▶ **WHAT IS NEEDED**
Every line from the one containing "FILE_SCHEMA(('IFC4'));" to the one containing "#16=IFCSITE('0000000000000000000004',$,'East Midtown Broadcast" in the records below, both included, must be set down exactly, and no other line.

▶ **RECORD EXCERPTS**
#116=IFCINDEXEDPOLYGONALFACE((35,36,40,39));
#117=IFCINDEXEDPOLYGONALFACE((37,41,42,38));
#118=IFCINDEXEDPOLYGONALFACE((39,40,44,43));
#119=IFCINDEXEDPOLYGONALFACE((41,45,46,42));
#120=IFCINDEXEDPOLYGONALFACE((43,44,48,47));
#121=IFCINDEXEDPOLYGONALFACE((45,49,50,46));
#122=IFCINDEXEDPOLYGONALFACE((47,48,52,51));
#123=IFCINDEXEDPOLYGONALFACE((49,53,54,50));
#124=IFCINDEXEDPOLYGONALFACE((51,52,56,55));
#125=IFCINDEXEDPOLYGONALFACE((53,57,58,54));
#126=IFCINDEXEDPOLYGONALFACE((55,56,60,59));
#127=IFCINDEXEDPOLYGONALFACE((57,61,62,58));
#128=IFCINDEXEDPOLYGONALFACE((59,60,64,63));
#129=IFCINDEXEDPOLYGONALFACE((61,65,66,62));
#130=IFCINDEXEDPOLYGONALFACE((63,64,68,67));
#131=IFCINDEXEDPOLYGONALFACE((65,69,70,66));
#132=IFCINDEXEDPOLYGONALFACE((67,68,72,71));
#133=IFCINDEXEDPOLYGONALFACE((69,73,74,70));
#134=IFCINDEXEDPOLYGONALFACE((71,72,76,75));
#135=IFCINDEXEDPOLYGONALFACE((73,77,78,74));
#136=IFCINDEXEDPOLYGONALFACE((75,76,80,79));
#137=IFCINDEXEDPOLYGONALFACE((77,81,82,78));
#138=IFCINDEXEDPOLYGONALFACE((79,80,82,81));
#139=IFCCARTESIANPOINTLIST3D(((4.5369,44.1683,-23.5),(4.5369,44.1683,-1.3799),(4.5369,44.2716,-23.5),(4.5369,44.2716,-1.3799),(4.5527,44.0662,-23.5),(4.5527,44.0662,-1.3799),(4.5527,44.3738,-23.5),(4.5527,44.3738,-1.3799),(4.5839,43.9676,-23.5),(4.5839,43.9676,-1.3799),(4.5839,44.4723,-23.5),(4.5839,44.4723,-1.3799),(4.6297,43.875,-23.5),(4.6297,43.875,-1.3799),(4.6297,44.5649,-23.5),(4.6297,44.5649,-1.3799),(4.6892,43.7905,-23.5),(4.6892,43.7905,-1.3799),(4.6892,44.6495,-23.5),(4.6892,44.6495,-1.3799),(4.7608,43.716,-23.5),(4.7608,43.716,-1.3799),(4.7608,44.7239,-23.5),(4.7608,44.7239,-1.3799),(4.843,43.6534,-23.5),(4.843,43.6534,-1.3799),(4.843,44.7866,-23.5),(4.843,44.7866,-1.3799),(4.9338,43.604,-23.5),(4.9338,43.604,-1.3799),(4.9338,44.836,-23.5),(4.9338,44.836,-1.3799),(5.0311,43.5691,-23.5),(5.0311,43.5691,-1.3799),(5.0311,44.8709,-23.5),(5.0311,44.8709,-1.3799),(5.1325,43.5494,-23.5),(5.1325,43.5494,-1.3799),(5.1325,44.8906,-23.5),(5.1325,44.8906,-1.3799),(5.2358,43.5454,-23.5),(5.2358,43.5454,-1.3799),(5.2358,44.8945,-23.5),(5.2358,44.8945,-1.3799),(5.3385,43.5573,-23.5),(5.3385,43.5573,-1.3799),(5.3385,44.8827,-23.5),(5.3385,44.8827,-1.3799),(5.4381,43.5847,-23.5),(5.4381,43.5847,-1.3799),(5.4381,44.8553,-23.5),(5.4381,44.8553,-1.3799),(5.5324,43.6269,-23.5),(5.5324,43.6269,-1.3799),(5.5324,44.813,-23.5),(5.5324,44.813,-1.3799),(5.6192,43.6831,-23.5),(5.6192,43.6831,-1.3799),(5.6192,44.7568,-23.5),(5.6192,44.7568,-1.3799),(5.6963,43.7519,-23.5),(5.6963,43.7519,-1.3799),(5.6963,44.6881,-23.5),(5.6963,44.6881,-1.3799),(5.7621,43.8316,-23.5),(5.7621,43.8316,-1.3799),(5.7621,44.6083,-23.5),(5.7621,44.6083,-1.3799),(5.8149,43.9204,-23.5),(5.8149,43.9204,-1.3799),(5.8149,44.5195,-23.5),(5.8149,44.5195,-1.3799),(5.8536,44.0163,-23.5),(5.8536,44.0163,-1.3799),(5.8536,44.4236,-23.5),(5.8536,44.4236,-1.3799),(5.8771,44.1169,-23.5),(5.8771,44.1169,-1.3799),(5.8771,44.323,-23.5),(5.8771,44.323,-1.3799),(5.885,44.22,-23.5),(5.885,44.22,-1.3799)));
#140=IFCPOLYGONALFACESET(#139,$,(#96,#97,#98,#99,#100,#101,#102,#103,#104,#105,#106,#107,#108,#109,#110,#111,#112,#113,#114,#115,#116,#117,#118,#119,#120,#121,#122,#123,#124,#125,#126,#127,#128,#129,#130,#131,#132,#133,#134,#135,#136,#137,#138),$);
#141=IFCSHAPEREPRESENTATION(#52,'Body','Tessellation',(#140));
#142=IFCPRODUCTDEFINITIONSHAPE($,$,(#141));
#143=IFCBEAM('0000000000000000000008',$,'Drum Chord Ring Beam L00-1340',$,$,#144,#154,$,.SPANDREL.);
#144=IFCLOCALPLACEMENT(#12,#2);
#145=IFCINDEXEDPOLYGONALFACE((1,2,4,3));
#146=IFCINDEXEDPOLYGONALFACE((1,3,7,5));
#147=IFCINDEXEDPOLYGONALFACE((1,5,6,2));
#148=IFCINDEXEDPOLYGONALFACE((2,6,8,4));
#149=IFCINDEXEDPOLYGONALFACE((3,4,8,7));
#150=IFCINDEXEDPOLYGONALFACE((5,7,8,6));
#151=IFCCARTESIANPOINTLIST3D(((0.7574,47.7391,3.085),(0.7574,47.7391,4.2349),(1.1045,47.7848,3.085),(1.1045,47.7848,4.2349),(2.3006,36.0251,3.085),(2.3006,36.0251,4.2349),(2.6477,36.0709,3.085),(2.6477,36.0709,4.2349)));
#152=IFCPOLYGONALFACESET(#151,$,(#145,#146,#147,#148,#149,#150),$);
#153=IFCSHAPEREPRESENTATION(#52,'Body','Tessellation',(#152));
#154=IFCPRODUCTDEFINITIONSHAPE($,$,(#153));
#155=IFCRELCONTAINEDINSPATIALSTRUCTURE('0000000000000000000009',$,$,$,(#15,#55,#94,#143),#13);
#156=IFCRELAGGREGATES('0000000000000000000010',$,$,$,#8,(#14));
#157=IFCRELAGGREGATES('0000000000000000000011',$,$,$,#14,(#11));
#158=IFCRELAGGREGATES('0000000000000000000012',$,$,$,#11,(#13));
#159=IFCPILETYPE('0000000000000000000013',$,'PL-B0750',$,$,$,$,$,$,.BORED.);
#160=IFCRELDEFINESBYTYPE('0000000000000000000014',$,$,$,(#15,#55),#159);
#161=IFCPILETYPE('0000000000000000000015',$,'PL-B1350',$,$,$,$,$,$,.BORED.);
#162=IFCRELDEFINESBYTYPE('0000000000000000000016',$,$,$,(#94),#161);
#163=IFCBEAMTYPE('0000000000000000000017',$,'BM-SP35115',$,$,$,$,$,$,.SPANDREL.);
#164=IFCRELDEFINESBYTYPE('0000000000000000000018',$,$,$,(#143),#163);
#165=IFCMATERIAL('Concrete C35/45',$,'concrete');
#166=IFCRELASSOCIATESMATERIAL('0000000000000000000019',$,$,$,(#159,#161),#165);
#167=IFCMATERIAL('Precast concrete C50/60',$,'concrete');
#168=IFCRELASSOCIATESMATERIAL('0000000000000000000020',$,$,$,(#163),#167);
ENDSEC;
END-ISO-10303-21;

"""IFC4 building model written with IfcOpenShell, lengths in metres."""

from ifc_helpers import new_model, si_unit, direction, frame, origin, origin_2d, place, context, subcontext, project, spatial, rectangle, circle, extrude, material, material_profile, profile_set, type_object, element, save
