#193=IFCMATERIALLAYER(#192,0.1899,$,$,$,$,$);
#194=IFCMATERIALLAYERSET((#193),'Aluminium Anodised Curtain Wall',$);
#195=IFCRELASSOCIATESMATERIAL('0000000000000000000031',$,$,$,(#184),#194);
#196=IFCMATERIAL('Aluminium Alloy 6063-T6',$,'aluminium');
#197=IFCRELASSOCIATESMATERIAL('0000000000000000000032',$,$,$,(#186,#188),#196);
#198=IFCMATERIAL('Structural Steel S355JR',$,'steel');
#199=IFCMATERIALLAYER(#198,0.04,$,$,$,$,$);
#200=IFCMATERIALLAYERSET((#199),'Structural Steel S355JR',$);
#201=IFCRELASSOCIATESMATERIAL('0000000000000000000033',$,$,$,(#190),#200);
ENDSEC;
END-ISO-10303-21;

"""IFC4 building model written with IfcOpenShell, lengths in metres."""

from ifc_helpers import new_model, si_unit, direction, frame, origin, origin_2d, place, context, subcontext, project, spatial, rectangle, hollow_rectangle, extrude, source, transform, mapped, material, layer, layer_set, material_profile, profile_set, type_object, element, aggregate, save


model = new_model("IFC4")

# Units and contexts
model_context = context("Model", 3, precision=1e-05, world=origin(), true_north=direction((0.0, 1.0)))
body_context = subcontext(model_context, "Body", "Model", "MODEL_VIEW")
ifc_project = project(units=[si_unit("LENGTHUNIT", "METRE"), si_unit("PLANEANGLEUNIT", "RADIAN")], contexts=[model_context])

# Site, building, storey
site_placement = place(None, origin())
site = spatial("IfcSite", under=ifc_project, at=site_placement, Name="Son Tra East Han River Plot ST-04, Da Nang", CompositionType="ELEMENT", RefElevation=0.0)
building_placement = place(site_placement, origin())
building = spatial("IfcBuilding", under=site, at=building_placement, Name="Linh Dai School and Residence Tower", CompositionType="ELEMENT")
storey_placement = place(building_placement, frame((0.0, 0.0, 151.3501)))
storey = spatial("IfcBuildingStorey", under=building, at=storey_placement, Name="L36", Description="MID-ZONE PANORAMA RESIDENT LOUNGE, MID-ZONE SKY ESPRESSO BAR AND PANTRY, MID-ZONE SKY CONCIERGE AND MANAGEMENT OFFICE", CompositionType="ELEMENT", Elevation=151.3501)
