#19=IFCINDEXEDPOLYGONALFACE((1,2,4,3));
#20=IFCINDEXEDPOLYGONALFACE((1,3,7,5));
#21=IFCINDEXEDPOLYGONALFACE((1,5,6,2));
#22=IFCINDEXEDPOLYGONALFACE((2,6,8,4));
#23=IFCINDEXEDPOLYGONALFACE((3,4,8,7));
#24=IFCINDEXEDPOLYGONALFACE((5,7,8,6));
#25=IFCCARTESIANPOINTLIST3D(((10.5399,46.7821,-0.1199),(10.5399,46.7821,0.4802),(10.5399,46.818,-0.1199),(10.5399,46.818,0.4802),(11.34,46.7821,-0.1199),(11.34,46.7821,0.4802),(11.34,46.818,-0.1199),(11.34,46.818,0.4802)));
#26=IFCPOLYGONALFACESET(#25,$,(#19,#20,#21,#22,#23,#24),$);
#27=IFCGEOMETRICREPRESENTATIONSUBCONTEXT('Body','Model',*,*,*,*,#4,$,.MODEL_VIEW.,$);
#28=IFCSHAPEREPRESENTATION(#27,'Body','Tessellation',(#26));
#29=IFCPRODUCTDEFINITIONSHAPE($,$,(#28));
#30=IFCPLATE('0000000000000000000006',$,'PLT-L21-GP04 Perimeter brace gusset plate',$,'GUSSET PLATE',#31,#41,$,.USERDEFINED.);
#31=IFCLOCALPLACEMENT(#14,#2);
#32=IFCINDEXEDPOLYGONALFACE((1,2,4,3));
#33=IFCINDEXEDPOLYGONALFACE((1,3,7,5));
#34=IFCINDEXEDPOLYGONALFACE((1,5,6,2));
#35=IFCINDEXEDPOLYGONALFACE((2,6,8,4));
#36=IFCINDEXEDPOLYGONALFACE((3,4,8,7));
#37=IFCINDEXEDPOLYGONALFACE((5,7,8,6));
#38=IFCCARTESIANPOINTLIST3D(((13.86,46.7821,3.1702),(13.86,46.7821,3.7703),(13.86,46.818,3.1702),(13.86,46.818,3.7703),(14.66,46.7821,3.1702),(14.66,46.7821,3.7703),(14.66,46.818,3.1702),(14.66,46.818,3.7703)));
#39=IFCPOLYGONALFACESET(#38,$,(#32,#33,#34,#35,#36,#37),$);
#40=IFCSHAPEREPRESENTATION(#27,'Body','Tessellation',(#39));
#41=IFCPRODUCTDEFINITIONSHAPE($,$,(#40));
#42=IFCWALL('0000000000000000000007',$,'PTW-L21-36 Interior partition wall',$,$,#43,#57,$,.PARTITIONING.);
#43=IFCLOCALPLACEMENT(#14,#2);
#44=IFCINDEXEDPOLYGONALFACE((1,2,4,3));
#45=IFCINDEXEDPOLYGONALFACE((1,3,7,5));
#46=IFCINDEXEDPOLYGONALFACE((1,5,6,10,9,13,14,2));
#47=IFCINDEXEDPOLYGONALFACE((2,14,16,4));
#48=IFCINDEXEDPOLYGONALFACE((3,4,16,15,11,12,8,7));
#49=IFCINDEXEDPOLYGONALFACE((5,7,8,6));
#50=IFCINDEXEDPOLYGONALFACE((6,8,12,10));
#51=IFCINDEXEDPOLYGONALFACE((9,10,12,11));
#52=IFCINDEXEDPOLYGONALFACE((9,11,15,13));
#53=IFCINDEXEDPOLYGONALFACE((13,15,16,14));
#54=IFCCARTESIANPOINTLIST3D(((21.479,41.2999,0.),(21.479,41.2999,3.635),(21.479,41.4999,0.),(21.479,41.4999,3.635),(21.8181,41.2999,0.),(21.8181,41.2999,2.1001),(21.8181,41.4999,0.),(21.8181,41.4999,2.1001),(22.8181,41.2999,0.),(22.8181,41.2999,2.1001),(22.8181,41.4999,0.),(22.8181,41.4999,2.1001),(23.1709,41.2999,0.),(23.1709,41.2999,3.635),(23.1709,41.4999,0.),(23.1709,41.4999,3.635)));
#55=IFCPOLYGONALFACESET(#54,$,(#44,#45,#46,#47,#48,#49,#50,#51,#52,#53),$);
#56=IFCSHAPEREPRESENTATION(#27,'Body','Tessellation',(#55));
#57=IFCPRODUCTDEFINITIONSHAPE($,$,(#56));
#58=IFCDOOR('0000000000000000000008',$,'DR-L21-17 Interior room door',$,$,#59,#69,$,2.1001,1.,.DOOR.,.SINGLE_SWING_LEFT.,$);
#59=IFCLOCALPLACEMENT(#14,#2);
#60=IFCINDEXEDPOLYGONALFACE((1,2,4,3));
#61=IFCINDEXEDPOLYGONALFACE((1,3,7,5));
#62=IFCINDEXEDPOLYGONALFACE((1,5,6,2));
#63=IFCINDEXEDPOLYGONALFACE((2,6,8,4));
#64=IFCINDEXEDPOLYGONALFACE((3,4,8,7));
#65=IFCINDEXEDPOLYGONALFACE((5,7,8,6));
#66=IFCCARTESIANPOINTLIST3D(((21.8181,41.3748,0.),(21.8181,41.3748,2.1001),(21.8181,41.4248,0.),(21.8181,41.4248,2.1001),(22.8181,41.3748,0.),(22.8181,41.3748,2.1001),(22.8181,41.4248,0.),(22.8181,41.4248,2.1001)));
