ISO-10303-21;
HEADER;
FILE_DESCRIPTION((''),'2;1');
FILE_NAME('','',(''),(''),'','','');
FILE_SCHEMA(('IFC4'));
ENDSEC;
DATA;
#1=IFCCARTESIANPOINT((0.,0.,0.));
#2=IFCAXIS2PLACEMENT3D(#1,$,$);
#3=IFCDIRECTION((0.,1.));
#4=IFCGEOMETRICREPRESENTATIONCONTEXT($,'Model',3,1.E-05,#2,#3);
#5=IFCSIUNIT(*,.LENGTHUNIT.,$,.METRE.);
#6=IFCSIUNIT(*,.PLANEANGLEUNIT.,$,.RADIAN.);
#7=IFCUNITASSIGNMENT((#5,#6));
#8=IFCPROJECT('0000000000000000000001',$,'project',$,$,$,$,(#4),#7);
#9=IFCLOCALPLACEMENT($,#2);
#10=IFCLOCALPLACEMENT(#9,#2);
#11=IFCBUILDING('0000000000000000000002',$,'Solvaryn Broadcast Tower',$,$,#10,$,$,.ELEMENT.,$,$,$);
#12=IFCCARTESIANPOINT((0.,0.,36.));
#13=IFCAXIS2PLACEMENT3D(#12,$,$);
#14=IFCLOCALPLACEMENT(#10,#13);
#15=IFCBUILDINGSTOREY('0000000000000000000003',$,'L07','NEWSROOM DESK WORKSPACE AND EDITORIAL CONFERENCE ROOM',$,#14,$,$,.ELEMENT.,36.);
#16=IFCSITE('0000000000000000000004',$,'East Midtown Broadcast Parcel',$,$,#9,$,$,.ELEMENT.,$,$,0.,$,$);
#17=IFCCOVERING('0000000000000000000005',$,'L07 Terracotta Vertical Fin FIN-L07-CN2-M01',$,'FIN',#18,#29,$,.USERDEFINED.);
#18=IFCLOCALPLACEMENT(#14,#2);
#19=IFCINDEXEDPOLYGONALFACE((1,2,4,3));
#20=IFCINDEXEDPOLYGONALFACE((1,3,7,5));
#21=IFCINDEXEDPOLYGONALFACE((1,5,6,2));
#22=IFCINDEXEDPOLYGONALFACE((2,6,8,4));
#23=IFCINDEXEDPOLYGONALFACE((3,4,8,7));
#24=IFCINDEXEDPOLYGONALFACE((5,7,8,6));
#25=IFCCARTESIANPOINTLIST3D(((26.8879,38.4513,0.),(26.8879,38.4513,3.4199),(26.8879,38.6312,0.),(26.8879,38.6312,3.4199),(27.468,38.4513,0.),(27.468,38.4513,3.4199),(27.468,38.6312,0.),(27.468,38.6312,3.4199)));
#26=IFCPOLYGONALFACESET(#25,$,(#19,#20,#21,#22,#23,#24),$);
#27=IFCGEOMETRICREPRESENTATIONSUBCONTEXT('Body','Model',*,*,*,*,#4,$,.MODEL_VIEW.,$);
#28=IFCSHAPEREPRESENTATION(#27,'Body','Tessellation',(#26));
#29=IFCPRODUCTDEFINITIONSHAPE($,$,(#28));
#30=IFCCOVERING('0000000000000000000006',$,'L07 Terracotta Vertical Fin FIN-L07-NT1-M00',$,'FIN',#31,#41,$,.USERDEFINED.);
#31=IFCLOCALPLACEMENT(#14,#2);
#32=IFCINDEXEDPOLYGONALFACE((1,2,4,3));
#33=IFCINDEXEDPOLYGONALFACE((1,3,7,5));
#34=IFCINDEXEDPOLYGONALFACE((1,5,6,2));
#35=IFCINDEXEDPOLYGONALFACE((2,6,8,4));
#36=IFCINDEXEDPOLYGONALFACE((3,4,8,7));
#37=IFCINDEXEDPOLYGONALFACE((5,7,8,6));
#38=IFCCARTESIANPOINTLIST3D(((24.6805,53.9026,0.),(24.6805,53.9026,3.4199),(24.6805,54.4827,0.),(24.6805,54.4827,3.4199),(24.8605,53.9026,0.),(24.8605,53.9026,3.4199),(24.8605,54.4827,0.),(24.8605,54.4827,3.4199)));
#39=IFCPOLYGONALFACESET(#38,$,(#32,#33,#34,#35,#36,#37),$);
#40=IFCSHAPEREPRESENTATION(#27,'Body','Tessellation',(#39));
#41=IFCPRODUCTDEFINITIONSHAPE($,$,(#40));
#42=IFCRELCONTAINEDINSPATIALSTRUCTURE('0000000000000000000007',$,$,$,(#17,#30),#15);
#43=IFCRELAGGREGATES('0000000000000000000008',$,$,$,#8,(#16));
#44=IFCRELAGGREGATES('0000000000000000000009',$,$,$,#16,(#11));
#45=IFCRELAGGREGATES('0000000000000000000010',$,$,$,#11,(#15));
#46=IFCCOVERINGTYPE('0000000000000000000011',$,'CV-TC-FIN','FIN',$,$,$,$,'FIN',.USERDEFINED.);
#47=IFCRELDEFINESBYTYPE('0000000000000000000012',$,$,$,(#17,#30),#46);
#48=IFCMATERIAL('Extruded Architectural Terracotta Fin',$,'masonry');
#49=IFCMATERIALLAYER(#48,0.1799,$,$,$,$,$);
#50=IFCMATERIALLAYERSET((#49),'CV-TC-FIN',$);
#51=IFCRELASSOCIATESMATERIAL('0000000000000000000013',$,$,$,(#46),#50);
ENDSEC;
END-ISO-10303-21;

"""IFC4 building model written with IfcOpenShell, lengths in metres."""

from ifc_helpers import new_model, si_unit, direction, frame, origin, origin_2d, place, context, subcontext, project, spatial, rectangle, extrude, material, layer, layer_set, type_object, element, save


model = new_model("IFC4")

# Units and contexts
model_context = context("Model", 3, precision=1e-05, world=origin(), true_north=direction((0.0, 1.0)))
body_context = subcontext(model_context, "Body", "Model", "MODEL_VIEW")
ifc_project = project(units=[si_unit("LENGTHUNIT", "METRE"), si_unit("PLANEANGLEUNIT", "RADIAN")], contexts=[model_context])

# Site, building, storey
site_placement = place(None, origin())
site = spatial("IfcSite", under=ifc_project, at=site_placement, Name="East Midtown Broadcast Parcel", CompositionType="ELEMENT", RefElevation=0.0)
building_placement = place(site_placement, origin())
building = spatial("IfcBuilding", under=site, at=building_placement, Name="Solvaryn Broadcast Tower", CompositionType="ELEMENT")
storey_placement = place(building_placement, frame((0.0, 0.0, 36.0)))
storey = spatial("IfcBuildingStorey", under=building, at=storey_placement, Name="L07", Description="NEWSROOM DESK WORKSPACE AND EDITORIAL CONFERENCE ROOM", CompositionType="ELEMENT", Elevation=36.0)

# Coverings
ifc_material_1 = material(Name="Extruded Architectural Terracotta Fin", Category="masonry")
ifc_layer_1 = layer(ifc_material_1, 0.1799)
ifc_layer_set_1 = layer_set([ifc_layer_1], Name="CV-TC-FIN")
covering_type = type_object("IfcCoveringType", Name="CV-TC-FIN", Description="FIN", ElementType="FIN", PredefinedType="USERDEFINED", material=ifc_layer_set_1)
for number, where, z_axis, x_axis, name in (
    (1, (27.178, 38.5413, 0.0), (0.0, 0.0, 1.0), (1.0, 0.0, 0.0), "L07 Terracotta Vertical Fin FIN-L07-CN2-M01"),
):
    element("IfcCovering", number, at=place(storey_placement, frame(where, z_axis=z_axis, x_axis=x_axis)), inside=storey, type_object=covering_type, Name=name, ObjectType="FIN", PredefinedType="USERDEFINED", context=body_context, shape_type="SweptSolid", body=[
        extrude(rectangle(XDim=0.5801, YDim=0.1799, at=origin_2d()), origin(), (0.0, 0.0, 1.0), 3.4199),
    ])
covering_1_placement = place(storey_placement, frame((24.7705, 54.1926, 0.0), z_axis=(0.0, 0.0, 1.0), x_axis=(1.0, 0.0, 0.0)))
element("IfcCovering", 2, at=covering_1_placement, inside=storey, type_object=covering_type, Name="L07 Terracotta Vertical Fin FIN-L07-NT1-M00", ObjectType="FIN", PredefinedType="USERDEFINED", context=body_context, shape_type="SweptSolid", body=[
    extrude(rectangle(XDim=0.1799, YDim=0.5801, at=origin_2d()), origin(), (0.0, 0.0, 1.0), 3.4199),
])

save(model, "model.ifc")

▶ **ANSWER SECTION**
FILE_SCHEMA(('IFC4'));
ENDSEC;
DATA;
#1=IFCCARTESIANPOINT((0.,0.,0.));
#2=IFCAXIS2PLACEMENT3D(#1,$,$);
#3=IFCDIRECTION((0.,1.));
#4=IFCGEOMETRICREPRESENTATIONCONTEXT($,'Model',3,1.E-05,#2,#3);
#5=IFCSIUNIT(*,.LENGTHUNIT.,$,.METRE.);
#6=IFCSIUNIT(*,.PLANEANGLEUNIT.,$,.RADIAN.);
#7=IFCUNITASSIGNMENT((#5,#6));
#8=IFCPROJECT('0000000000000000000001',$,'project',$,$,$,$,(#4),#7);
#9=IFCLOCALPLACEMENT($,#2);
#10=IFCLOCALPLACEMENT(#9,#2);
#11=IFCBUILDING('0000000000000000000002',$,'Solvaryn Broadcast Tower',$,$,#10,$,$,.ELEMENT.,$,$,$);
#12=IFCCARTESIANPOINT((0.,0.,36.));
#13=IFCAXIS2PLACEMENT3D(#12,$,$);
#14=IFCLOCALPLACEMENT(#10,#13);
#15=IFCBUILDINGSTOREY('0000000000000000000003',$,'L07','NEWSROOM DESK WORKSPACE AND EDITORIAL CONFERENCE ROOM',$,#14,$,$,.ELEMENT.,36.);
#16=IFCSITE('0000000000000000000004',$,'East Midtown Broadcast Parcel',$,$,#9,$,$,.ELEMENT.,$,$,0.,$,$);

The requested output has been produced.